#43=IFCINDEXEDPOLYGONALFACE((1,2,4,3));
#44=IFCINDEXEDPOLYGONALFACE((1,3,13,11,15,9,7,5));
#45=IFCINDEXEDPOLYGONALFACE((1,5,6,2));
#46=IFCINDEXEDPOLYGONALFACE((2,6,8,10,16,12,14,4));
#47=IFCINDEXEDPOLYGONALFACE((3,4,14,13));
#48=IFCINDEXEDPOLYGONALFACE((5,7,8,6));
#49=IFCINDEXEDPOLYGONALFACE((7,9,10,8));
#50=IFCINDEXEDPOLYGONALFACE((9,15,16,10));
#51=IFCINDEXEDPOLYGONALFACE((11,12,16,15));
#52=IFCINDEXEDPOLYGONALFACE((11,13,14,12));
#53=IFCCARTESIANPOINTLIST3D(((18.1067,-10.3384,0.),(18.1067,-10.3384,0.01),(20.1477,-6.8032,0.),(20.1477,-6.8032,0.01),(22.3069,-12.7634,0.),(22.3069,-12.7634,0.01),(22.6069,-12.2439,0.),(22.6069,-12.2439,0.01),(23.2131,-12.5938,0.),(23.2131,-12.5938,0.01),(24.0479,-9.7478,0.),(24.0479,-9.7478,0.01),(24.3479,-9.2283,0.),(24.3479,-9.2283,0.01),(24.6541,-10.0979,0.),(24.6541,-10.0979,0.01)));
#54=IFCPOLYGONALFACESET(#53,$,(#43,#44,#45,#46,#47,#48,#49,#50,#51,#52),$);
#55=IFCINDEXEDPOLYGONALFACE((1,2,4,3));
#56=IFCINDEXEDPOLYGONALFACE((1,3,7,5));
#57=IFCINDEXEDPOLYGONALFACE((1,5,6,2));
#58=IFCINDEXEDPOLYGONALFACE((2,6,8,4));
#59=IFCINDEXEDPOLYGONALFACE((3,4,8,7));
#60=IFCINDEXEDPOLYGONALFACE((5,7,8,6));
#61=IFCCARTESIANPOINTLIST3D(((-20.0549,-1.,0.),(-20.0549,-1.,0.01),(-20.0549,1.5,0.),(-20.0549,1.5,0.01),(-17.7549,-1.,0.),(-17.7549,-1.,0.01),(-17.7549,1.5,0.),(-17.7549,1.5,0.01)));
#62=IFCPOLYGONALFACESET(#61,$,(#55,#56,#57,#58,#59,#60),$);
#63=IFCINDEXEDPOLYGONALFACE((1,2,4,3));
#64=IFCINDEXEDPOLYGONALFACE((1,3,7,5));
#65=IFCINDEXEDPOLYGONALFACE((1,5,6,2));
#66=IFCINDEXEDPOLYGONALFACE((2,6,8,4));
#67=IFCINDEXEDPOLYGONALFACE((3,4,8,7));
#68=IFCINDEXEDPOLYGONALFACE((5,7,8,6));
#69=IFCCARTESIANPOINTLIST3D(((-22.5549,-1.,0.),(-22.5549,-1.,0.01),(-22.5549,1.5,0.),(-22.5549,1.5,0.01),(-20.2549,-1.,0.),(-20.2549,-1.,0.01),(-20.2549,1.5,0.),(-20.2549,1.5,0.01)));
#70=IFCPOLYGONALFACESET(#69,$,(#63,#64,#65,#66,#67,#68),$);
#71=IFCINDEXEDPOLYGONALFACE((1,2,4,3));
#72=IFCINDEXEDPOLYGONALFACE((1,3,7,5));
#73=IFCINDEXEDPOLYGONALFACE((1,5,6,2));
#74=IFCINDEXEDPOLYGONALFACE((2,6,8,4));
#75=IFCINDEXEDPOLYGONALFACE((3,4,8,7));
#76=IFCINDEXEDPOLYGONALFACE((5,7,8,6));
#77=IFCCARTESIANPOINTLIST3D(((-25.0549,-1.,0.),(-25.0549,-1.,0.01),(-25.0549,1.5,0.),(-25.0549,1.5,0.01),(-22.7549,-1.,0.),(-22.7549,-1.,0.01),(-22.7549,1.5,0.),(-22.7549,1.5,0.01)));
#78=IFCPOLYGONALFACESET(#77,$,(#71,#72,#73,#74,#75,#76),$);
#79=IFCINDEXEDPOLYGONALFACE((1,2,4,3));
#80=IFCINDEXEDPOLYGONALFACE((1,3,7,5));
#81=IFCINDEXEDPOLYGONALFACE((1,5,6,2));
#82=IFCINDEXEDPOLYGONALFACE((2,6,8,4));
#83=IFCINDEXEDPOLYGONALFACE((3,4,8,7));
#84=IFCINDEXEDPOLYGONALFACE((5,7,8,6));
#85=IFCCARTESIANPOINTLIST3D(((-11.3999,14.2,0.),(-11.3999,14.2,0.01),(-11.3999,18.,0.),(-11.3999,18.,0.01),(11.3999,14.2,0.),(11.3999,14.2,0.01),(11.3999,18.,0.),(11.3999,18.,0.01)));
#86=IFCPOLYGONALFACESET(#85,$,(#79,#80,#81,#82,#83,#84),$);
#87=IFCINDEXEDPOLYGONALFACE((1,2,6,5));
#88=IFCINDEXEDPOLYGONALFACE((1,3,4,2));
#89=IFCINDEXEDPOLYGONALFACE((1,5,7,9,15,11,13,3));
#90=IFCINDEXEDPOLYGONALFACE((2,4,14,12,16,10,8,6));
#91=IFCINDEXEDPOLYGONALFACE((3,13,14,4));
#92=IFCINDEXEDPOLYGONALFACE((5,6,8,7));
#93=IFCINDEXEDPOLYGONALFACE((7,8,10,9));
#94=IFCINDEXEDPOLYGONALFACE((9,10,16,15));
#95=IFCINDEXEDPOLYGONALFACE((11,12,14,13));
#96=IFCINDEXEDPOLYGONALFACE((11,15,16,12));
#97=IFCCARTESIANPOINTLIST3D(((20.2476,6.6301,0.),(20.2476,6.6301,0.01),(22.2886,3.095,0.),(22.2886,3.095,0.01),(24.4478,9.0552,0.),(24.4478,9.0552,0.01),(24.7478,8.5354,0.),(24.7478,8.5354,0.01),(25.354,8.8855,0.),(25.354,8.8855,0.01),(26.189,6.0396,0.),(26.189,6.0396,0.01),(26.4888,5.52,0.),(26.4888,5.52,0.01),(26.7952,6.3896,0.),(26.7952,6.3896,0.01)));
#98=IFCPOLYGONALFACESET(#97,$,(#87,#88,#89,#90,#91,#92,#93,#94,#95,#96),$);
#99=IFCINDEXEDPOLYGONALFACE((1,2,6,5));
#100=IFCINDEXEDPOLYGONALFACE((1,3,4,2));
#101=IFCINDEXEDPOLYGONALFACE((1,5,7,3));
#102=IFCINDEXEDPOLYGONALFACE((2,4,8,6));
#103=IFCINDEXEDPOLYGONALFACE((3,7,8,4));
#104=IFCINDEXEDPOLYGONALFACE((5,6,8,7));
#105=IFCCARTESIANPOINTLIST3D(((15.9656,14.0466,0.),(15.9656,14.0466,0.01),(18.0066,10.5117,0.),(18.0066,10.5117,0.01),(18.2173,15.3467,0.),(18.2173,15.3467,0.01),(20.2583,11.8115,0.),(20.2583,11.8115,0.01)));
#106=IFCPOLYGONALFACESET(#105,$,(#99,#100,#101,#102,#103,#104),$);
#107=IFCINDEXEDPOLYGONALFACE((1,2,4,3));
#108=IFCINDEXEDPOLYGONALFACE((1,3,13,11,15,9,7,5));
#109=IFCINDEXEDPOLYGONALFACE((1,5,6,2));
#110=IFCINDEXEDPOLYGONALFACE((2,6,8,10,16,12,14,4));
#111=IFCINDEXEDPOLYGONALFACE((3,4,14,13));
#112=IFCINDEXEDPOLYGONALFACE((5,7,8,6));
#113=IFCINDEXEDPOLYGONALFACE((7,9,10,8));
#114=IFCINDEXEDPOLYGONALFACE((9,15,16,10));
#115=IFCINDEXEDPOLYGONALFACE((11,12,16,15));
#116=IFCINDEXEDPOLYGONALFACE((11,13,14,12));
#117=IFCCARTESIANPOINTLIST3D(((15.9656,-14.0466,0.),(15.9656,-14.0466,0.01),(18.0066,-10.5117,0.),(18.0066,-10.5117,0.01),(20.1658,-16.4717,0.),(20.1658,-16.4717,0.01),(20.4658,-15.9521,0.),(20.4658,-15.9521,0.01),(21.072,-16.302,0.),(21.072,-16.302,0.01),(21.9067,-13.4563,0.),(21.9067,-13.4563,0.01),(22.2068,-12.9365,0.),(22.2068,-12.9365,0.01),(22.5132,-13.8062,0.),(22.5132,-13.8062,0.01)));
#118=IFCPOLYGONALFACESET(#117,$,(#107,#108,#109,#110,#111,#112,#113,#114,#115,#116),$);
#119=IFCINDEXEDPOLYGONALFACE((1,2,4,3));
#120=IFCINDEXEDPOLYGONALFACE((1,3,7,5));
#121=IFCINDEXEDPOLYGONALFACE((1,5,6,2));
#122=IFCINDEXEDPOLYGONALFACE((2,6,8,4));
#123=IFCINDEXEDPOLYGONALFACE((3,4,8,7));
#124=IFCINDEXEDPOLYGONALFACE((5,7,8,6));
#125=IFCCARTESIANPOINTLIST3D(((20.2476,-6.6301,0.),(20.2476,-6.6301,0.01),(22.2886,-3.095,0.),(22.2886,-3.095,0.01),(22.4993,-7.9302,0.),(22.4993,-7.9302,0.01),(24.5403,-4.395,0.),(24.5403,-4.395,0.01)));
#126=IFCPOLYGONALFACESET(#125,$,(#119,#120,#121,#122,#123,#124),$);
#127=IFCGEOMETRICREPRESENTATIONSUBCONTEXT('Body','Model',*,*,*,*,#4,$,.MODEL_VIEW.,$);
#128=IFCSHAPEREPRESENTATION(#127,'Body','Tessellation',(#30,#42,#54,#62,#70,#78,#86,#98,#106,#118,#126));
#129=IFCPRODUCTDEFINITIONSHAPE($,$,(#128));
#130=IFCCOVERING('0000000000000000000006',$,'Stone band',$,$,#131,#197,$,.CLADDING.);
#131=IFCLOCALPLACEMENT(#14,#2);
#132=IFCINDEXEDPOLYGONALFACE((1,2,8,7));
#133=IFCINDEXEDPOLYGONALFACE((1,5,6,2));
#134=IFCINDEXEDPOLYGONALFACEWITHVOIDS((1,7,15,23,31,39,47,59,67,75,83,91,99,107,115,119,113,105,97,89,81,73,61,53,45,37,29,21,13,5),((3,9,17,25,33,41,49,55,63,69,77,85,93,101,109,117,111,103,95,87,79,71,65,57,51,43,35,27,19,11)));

◇ ◇ ◇

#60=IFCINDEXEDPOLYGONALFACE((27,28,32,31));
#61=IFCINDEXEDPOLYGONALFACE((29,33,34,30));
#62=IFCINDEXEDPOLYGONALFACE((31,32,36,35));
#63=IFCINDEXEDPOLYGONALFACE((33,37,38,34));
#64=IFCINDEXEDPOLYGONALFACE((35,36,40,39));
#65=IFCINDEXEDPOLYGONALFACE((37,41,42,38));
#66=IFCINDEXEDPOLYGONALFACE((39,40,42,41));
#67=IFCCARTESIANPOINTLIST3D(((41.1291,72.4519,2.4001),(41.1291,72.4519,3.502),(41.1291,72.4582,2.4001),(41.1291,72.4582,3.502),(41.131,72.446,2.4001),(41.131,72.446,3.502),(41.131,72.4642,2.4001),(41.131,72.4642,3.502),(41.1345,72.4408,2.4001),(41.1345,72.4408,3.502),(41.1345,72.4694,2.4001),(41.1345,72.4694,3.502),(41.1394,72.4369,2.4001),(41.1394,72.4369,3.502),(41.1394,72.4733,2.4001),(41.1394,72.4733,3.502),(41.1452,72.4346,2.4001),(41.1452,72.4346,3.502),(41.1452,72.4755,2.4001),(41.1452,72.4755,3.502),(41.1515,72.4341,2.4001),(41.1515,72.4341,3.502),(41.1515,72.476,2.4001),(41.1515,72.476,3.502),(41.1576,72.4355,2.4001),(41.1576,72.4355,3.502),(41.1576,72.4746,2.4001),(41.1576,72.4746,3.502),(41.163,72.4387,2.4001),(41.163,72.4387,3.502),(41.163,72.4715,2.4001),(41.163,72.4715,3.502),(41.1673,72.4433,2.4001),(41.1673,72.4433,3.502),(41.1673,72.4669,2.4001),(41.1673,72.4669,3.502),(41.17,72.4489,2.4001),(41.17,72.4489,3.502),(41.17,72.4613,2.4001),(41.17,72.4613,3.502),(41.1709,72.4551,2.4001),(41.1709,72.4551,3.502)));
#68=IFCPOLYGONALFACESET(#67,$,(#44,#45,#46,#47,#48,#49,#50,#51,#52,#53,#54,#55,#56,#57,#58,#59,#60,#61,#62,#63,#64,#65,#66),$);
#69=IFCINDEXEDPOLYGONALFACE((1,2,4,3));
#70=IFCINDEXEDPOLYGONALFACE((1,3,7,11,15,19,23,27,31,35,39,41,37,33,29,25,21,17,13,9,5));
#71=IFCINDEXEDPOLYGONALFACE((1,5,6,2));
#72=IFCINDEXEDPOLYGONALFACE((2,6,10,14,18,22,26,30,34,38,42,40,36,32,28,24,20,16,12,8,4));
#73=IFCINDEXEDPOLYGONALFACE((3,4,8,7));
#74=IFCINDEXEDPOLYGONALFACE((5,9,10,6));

◇ ◇ ◇

§ **How to complete this task**:
Tally how many lines of the records hold the word "Body". Answer with the number only.

§ **Solution**:
2